• Directions:
Only certain lines below are wanted: those starting at the line containing "#177=IFCINDEXEDPOLYGONALFACE((139,141,142,140));" and ending at the line containing "#181=IFCINDEXEDPOLYGONALFACE((149,150,152,151));", both included, each retyped exactly.

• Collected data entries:
------------------------------------------------------------------------

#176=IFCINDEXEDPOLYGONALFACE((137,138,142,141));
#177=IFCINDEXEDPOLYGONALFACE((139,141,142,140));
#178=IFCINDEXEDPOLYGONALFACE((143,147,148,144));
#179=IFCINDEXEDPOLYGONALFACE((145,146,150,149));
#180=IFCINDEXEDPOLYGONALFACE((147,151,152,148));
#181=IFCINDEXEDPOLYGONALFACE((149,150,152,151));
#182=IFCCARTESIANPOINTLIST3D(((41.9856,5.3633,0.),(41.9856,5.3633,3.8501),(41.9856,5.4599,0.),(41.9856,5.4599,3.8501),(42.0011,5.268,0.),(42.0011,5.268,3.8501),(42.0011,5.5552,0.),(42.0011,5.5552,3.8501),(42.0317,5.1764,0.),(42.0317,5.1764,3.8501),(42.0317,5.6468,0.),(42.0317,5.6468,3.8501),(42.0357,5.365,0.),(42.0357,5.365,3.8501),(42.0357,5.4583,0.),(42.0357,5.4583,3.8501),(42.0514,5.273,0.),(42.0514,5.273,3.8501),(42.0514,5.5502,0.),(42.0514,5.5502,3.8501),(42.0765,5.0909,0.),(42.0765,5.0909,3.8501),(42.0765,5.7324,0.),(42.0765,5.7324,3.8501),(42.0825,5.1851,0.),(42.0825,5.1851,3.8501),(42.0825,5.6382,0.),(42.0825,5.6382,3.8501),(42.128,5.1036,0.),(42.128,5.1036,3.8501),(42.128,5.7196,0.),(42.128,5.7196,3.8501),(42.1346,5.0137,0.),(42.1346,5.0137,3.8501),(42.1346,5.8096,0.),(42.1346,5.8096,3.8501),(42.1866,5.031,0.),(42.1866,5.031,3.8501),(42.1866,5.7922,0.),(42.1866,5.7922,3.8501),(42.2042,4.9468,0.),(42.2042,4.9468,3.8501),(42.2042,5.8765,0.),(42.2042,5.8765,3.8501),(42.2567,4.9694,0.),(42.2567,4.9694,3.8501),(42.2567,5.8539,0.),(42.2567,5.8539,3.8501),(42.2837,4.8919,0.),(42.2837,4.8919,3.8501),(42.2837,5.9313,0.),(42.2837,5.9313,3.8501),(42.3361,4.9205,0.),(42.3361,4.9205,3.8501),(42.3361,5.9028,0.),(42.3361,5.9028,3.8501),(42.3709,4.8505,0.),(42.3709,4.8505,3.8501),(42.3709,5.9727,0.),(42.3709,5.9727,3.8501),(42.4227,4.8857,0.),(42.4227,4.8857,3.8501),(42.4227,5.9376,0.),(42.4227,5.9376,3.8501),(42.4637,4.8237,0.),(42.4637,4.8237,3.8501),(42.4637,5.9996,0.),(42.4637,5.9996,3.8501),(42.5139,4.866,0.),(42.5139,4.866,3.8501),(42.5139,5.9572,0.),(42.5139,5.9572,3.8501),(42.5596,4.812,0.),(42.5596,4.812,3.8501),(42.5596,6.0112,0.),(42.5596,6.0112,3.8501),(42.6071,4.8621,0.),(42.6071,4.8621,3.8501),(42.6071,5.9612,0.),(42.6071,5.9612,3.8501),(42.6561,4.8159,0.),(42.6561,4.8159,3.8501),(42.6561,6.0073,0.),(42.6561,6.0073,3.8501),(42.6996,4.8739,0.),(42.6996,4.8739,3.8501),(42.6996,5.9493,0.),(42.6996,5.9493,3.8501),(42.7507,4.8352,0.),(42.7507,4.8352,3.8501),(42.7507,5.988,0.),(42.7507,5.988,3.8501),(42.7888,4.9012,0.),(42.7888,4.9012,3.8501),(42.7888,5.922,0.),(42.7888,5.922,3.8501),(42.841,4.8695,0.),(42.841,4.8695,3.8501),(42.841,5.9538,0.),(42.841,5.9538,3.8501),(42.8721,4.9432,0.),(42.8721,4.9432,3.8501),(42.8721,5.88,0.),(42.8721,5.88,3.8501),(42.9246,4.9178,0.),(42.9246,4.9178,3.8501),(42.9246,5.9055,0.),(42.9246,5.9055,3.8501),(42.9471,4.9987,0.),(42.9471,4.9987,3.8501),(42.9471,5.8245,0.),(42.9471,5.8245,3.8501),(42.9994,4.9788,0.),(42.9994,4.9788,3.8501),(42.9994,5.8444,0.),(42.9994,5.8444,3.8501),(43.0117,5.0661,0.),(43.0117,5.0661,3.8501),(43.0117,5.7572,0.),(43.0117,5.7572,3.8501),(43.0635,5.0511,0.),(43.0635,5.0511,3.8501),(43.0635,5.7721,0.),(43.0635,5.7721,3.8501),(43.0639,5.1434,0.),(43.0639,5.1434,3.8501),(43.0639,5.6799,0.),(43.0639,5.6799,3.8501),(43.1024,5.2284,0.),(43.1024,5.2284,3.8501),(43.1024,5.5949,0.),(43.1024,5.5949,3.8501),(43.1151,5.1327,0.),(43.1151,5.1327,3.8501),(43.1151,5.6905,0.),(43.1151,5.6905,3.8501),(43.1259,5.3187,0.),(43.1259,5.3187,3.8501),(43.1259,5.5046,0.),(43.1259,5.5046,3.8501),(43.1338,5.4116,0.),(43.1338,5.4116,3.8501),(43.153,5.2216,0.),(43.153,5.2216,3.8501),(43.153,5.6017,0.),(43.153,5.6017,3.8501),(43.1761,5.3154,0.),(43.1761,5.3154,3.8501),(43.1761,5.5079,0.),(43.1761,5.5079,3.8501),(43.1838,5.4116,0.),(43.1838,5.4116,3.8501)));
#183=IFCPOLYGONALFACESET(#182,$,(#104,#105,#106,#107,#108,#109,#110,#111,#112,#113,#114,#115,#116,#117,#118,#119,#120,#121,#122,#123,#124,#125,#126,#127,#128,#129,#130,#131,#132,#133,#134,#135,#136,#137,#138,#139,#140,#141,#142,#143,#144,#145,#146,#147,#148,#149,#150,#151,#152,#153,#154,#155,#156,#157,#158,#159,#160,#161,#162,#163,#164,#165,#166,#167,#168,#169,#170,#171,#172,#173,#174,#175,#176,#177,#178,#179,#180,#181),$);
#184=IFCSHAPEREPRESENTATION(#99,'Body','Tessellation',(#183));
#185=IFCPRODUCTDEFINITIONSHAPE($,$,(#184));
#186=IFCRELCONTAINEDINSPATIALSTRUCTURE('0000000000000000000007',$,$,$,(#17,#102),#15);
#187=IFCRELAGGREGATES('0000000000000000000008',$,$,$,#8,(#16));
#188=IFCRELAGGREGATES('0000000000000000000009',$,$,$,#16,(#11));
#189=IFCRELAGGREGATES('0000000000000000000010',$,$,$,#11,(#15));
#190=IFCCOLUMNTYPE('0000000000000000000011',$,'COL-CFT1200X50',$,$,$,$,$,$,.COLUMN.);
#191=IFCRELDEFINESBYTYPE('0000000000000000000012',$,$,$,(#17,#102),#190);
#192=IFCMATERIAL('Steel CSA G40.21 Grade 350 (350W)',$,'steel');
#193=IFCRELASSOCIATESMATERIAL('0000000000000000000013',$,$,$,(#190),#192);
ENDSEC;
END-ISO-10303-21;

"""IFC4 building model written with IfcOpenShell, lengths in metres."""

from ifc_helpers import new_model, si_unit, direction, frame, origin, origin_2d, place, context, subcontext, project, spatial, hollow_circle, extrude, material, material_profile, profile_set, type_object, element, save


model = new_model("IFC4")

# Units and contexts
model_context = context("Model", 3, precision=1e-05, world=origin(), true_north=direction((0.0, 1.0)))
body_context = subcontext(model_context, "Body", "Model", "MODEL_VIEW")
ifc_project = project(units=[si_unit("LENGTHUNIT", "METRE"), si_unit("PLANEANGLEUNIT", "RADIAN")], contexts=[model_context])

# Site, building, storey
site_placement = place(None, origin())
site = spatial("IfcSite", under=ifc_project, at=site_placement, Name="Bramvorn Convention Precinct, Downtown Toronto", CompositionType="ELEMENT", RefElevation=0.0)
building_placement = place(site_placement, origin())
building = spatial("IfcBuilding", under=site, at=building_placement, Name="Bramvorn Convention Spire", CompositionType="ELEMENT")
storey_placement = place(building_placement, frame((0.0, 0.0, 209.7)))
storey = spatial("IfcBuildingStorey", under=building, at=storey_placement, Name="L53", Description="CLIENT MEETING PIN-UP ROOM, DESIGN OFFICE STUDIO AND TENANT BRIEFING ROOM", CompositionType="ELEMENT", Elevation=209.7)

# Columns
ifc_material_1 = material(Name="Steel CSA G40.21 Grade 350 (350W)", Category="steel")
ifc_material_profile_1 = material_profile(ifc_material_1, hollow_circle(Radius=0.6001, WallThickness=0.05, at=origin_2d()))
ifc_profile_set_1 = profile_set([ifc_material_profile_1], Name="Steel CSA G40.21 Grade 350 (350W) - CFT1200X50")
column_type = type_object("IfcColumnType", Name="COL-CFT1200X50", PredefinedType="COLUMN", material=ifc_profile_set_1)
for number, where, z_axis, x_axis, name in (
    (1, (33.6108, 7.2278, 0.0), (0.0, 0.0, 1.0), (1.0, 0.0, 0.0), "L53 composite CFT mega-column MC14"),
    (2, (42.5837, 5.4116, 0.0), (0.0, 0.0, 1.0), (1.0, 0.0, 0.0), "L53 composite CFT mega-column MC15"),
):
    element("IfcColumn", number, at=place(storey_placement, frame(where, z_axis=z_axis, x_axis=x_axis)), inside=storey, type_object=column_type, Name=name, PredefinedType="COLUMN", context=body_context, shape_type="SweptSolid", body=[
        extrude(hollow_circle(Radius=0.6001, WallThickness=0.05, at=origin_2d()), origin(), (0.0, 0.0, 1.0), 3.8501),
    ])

------------------------------------------------------------------------

• Reply:
#177=IFCINDEXEDPOLYGONALFACE((139,141,142,140));
#178=IFCINDEXEDPOLYGONALFACE((143,147,148,144));
#179=IFCINDEXEDPOLYGONALFACE((145,146,150,149));
#180=IFCINDEXEDPOLYGONALFACE((147,151,152,148));
#181=IFCINDEXEDPOLYGONALFACE((149,150,152,151));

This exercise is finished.